● Problem
Using the listing below, set down exactly the lines starting at the line that contains "# Units and contexts" and ending at the line that contains "site_placement = place(None, origin())", both included, and no others.

[Exercise data Boundary: Start]

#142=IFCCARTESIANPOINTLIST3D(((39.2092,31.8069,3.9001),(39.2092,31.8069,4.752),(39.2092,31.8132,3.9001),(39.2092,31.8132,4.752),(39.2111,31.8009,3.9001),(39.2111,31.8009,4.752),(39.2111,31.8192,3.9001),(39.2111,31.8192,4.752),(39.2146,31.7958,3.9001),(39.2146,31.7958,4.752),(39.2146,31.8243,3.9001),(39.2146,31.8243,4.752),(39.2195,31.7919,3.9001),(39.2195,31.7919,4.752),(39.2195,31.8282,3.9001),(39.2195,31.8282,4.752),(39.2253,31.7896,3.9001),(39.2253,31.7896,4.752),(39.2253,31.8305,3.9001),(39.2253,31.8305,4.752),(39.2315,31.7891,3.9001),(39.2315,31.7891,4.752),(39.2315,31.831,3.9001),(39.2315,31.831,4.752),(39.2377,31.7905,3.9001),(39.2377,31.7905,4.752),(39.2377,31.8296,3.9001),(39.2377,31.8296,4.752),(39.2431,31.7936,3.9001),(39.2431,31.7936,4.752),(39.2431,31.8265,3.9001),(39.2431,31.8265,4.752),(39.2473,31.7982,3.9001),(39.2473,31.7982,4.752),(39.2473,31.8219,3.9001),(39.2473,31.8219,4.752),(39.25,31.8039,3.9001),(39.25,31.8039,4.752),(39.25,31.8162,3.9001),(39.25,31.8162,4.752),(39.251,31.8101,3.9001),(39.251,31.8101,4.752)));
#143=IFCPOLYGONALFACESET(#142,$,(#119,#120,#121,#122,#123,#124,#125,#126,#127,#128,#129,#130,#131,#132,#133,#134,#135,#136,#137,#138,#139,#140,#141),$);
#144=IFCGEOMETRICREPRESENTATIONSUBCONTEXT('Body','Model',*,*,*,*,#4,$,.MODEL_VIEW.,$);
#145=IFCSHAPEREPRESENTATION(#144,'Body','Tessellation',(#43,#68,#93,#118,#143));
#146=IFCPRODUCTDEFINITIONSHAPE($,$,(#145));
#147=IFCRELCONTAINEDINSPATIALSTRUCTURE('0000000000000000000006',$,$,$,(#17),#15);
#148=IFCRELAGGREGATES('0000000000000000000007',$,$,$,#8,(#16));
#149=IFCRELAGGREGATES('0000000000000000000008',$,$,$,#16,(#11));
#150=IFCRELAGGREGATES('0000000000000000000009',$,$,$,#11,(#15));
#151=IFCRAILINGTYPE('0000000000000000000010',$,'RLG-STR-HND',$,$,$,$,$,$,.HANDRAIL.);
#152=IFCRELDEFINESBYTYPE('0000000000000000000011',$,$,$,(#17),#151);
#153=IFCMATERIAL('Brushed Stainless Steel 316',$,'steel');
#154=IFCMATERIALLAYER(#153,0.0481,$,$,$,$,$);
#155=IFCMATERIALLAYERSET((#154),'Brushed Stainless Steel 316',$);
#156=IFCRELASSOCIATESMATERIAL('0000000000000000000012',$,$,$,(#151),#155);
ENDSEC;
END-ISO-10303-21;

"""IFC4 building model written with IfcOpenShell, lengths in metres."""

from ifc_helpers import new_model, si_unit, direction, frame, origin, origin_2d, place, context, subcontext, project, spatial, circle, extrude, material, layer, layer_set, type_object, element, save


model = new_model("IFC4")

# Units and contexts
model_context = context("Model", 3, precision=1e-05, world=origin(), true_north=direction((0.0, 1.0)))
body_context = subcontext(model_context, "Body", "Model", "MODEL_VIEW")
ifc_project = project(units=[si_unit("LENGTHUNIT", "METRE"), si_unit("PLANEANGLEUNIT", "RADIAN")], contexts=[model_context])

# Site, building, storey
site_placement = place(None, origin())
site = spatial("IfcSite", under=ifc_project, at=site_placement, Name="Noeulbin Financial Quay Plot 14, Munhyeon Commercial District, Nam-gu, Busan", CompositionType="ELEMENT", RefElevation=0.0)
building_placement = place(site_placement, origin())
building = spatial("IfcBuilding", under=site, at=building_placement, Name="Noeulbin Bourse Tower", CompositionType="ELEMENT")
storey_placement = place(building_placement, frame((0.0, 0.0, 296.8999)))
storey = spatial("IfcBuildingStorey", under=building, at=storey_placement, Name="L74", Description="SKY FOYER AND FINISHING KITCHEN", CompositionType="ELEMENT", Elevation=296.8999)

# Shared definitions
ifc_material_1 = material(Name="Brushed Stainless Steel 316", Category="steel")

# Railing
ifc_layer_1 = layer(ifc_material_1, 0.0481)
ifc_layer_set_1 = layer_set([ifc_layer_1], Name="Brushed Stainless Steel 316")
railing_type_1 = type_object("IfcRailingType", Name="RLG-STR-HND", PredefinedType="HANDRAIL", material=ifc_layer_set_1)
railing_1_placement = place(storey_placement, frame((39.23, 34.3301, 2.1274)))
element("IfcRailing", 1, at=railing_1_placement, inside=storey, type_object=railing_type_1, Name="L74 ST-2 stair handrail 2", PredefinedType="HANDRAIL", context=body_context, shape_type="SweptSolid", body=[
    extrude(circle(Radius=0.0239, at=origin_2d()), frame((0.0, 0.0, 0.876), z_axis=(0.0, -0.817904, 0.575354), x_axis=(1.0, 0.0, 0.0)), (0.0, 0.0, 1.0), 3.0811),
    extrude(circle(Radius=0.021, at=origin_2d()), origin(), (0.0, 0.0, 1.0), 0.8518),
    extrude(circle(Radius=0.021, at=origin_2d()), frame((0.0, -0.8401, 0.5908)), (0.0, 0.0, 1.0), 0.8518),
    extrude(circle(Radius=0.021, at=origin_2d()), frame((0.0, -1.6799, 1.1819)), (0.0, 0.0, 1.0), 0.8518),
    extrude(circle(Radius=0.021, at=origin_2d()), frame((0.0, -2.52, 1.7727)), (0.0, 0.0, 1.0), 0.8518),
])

[Exercise data Boundary: End]

● Result of the task
# Units and contexts
model_context = context("Model", 3, precision=1e-05, world=origin(), true_north=direction((0.0, 1.0)))
body_context = subcontext(model_context, "Body", "Model", "MODEL_VIEW")
ifc_project = project(units=[si_unit("LENGTHUNIT", "METRE"), si_unit("PLANEANGLEUNIT", "RADIAN")], contexts=[model_context])

# Site, building, storey
site_placement = place(None, origin())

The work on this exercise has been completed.